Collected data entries
◇ ◇ ◇ ◇ ◇ ◇ ◇

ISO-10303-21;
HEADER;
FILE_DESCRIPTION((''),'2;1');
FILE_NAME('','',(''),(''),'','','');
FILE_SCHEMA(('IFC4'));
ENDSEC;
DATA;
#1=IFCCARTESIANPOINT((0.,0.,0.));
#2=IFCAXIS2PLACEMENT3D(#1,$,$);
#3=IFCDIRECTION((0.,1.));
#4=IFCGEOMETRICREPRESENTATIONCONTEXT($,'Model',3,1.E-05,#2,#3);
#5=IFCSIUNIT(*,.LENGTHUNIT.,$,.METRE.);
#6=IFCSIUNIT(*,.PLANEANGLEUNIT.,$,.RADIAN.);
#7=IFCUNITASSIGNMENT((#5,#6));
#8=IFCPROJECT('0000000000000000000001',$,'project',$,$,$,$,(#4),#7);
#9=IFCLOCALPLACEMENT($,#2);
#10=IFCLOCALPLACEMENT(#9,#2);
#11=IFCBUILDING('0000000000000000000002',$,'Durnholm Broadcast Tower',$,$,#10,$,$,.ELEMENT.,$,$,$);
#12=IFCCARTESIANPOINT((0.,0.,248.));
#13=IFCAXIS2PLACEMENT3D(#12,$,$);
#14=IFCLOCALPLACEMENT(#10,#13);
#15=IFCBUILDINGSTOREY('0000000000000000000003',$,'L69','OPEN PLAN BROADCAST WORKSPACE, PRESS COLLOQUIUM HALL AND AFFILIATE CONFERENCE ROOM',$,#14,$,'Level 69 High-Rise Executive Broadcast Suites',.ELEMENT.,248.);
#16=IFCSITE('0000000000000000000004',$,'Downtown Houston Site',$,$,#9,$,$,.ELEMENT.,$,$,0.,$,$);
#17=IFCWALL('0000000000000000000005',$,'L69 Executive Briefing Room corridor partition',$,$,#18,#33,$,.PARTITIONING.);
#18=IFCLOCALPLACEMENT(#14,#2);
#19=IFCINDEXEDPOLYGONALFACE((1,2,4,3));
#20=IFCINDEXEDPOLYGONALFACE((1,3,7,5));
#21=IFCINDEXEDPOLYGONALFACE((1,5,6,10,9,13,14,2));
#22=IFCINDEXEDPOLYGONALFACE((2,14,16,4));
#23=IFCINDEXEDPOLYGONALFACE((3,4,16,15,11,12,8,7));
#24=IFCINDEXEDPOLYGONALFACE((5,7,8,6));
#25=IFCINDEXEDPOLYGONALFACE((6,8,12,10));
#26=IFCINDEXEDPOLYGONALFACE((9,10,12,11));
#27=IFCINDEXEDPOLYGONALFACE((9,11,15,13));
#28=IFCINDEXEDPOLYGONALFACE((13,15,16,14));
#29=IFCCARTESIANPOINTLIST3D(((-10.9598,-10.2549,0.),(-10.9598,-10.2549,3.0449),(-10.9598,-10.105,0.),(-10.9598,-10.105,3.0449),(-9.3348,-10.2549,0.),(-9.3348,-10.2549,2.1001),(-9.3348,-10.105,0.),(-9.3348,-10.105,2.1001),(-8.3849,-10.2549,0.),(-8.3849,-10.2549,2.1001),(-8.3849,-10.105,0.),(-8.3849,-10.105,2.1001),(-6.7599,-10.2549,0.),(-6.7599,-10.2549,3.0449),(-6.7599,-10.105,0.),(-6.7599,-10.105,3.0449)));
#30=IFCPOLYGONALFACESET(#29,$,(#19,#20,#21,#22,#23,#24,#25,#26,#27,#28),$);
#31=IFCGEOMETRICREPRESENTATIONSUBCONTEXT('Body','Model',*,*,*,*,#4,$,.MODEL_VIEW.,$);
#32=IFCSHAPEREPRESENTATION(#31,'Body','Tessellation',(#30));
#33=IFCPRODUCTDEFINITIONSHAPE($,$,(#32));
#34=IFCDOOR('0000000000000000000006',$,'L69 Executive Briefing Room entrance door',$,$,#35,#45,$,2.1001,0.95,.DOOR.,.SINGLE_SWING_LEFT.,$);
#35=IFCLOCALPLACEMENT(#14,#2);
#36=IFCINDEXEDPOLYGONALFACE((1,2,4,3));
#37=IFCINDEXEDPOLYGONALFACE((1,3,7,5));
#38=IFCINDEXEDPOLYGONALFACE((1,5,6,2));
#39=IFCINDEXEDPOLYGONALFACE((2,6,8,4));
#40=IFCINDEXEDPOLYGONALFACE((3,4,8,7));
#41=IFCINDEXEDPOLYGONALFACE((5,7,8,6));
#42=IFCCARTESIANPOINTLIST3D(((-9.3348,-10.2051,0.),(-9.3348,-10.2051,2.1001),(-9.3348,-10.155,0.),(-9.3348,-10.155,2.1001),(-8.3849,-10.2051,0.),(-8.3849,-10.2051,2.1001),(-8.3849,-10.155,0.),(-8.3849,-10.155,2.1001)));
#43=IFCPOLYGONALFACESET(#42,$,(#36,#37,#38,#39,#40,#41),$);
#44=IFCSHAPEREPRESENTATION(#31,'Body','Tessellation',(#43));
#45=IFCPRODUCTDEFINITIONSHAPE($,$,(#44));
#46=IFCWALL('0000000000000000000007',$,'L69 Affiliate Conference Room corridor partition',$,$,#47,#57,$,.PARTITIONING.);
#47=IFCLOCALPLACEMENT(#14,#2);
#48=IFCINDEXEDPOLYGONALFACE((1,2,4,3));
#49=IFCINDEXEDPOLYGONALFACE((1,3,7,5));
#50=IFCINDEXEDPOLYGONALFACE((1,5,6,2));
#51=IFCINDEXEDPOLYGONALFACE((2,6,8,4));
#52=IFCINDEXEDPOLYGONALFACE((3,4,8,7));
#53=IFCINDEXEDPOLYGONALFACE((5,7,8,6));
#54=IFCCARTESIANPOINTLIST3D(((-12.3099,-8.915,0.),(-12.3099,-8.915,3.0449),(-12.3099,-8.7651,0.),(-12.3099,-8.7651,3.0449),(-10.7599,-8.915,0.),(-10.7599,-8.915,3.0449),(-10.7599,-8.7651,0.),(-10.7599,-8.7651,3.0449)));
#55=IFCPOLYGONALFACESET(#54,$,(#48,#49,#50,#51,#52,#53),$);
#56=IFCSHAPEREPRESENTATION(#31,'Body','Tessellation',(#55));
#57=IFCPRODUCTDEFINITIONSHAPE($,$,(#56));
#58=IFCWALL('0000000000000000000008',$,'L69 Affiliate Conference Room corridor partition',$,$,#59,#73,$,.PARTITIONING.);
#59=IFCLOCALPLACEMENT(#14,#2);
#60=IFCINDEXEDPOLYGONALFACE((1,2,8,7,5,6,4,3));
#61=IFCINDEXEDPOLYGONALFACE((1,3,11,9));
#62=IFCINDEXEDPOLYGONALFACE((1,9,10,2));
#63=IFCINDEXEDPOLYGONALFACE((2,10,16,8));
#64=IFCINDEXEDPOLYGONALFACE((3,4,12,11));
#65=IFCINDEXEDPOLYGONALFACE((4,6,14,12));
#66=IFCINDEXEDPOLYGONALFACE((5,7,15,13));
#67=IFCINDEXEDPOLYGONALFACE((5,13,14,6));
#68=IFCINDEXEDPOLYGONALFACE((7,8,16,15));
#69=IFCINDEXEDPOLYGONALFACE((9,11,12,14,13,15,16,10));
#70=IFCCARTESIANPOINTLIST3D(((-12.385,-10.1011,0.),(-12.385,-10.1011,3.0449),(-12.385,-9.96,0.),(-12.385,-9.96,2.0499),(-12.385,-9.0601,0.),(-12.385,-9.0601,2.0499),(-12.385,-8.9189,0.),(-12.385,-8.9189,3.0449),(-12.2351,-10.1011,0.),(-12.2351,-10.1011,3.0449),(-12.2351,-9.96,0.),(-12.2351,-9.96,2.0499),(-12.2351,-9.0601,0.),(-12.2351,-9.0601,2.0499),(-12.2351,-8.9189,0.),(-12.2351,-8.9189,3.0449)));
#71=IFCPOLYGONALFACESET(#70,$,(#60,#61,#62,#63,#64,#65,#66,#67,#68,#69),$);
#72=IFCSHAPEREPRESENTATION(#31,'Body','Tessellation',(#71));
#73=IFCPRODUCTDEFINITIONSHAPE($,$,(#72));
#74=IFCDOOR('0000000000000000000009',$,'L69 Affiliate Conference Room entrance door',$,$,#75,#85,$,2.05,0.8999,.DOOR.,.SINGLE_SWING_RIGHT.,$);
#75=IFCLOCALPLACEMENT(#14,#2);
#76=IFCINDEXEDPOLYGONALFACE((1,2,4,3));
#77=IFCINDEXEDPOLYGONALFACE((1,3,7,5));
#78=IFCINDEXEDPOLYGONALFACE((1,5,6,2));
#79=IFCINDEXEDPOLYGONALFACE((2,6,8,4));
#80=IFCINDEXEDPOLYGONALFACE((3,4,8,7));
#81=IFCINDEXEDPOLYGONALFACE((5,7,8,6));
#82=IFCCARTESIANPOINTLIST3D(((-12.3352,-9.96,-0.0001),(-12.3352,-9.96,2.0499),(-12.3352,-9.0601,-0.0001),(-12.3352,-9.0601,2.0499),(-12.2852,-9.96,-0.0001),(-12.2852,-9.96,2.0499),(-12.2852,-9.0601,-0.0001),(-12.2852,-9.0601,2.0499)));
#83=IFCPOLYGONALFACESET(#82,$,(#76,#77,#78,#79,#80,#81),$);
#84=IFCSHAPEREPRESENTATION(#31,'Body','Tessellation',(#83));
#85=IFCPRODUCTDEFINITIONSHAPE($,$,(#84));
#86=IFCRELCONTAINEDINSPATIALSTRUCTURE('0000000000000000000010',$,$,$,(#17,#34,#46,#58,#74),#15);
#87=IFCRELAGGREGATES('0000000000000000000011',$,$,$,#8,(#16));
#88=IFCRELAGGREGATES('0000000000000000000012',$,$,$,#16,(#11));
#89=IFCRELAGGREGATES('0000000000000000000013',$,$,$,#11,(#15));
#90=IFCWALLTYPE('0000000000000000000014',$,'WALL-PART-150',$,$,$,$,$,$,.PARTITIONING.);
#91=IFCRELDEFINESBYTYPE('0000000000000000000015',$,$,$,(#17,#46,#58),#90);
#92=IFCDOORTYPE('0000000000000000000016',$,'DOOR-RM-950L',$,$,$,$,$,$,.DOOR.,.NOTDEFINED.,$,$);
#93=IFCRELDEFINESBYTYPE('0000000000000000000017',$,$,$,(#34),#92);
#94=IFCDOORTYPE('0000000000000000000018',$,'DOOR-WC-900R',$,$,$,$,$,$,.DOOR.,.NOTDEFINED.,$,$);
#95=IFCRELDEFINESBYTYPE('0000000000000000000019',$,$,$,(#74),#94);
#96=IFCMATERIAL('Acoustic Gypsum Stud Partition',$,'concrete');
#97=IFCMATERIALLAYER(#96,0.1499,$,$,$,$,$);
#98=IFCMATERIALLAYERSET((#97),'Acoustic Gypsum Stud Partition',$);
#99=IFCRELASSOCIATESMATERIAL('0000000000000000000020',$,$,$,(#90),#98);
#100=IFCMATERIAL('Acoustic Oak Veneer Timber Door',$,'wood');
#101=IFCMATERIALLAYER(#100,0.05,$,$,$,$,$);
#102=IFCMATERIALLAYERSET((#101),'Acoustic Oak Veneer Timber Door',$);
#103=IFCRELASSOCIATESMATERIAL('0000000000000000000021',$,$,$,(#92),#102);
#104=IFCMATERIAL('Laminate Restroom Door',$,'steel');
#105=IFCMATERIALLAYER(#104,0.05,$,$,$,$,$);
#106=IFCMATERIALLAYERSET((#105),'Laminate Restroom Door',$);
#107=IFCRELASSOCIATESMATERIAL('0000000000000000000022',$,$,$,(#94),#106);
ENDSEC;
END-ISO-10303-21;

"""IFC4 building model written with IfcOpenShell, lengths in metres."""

from ifc_helpers import new_model, si_unit, direction, frame, frame_2d, origin, place, context, subcontext, project, spatial, rectangle, extrude, source, transform, mapped, material, layer, layer_set, type_object, type_shapes, element, fill, save


model = new_model("IFC4")

# Units and contexts
model_context = context("Model", 3, precision=1e-05, world=origin(), true_north=direction((0.0, 1.0)))
body_context = subcontext(model_context, "Body", "Model", "MODEL_VIEW")
ifc_project = project(units=[si_unit("LENGTHUNIT", "METRE"), si_unit("PLANEANGLEUNIT", "RADIAN")], contexts=[model_context])

# Site, building, storey
site_placement = place(None, origin())
site = spatial("IfcSite", under=ifc_project, at=site_placement, Name="Downtown Houston Site", CompositionType="ELEMENT", RefElevation=0.0)
building_placement = place(site_placement, origin())
building = spatial("IfcBuilding", under=site, at=building_placement, Name="Durnholm Broadcast Tower", CompositionType="ELEMENT")
storey_placement = place(building_placement, frame((0.0, 0.0, 248.0)))
storey = spatial("IfcBuildingStorey", under=building, at=storey_placement, Name="L69", Description="OPEN PLAN BROADCAST WORKSPACE, PRESS COLLOQUIUM HALL AND AFFILIATE CONFERENCE ROOM", LongName="Level 69 High-Rise Executive Broadcast Suites", CompositionType="ELEMENT", Elevation=248.0)

# Wall, opening, door
ifc_material_1 = material(Name="Laminate Restroom Door", Category="steel")
ifc_material_2 = material(Name="Acoustic Gypsum Stud Partition", Category="concrete")
ifc_layer_1 = layer(ifc_material_2, 0.1499)
ifc_layer_set_1 = layer_set([ifc_layer_1], Name="Acoustic Gypsum Stud Partition")
wall_type_1 = type_object("IfcWallType", Name="WALL-PART-150", PredefinedType="PARTITIONING", material=ifc_layer_set_1)
wall_1_placement = place(storey_placement, frame((-10.96, -10.1799, 0.0), z_axis=(0.0, 0.0, 1.0), x_axis=(1.0, 0.0, 0.0)))
wall_1 = element("IfcWall", 1, at=wall_1_placement, inside=storey, type_object=wall_type_1, Name="L69 Executive Briefing Room corridor partition", PredefinedType="PARTITIONING", context=body_context, shape_type="SweptSolid", body=[
    extrude(rectangle(XDim=4.2, YDim=0.1499, at=frame_2d((2.1001, 0.0))), origin(), (0.0, 0.0, 1.0), 3.0449),
])
opening_1_placement = place(wall_1_placement, frame((1.625, 0.0, 0.0)))
opening_1 = element("IfcOpeningElement", 2, at=opening_1_placement, cuts=wall_1, PredefinedType="OPENING", context=body_context, shape_type="SweptSolid", body=[
    extrude(rectangle(XDim=0.95, YDim=2.1001, at=frame_2d((0.4751, 1.05))), frame((0.0, 0.085, 0.0), z_axis=(0.0, -1.0, 0.0), x_axis=(1.0, 0.0, 0.0)), (0.0, 0.0, 1.0), 0.1699),
])
ifc_material_3 = material(Name="Acoustic Oak Veneer Timber Door", Category="wood")
ifc_layer_2 = layer(ifc_material_3, 0.05)
ifc_layer_set_2 = layer_set([ifc_layer_2], Name="Acoustic Oak Veneer Timber Door")
door_type_1 = type_object("IfcDoorType", Name="DOOR-RM-950L", OperationType="NOTDEFINED", PredefinedType="DOOR", material=ifc_layer_set_2)
shared_shape_1 = source(origin(), body_context, "Body", "SweptSolid", [
    extrude(rectangle(XDim=0.95, YDim=2.1001, at=frame_2d((0.4751, 1.05))), frame((0.0, 0.0249, 0.0), z_axis=(0.0, -1.0, 0.0), x_axis=(1.0, 0.0, 0.0)), (0.0, 0.0, 1.0), 0.05),
])
type_shapes(door_type_1, [shared_shape_1])
door_1_placement = place(opening_1_placement, origin())
door_1 = element("IfcDoor", 3, at=door_1_placement, inside=storey, type_object=door_type_1, Name="L69 Executive Briefing Room entrance door", OperationType="SINGLE_SWING_LEFT", OverallHeight=2.1001, OverallWidth=0.95, PredefinedType="DOOR", context=body_context, shape_type="MappedRepresentation", body=[
    mapped(shared_shape_1, transform((0.0, 0.0, 0.0), x_axis=(1.0, 0.0, 0.0), y_axis=(0.0, 1.0, 0.0), z_axis=(0.0, 0.0, 1.0), scale=1.0)),
])
fill(opening_1, door_1)

# Wall
wall_2_placement = place(storey_placement, frame((-10.76, -8.8401, 0.0), z_axis=(0.0, 0.0, 1.0), x_axis=(-1.0, 0.0, 0.0)))
element("IfcWall", 4, at=wall_2_placement, inside=storey, type_object=wall_type_1, Name="L69 Affiliate Conference Room corridor partition", PredefinedType="PARTITIONING", context=body_context, shape_type="SweptSolid", body=[
    extrude(rectangle(XDim=1.55, YDim=0.1499, at=frame_2d((0.7749, 0.0))), origin(), (0.0, 0.0, 1.0), 3.0449),
])

# Wall, opening, door
wall_3_placement = place(storey_placement, frame((-12.3101, -8.9189, 0.0), z_axis=(0.0, 0.0, 1.0), x_axis=(0.0, -1.0, 0.0)))
wall_3 = element("IfcWall", 5, at=wall_3_placement, inside=storey, type_object=wall_type_1, Name="L69 Affiliate Conference Room corridor partition", PredefinedType="PARTITIONING", context=body_context, shape_type="SweptSolid", body=[
    extrude(rectangle(XDim=1.1821, YDim=0.1499, at=frame_2d((0.5911, 0.0))), origin(), (0.0, 0.0, 1.0), 3.0449),
])
opening_2_placement = place(wall_3_placement, frame((0.1411, 0.0, 0.0)))
opening_2 = element("IfcOpeningElement", 6, at=opening_2_placement, cuts=wall_3, PredefinedType="OPENING", context=body_context, shape_type="SweptSolid", body=[
    extrude(rectangle(XDim=0.8999, YDim=2.05, at=frame_2d((0.45, 1.0249))), frame((0.0, 0.085, 0.0), z_axis=(0.0, -1.0, 0.0), x_axis=(1.0, 0.0, 0.0)), (0.0, 0.0, 1.0), 0.1699),
])
ifc_layer_3 = layer(ifc_material_1, 0.05)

◇ ◇ ◇ ◇ ◇ ◇ ◇

§ The task
Beginning with the line that has "#46=IFCWALL('0000000000000000000007',$,'L69 Affiliate Conference" and ending with the line that has "#53=IFCINDEXEDPOLYGONALFACE((5,7,8,6));", set down the lines above exactly and include no others.

§ Answer
#46=IFCWALL('0000000000000000000007',$,'L69 Affiliate Conference Room corridor partition',$,$,#47,#57,$,.PARTITIONING.);
#47=IFCLOCALPLACEMENT(#14,#2);
#48=IFCINDEXEDPOLYGONALFACE((1,2,4,3));
#49=IFCINDEXEDPOLYGONALFACE((1,3,7,5));
#50=IFCINDEXEDPOLYGONALFACE((1,5,6,2));
#51=IFCINDEXEDPOLYGONALFACE((2,6,8,4));
#52=IFCINDEXEDPOLYGONALFACE((3,4,8,7));
#53=IFCINDEXEDPOLYGONALFACE((5,7,8,6));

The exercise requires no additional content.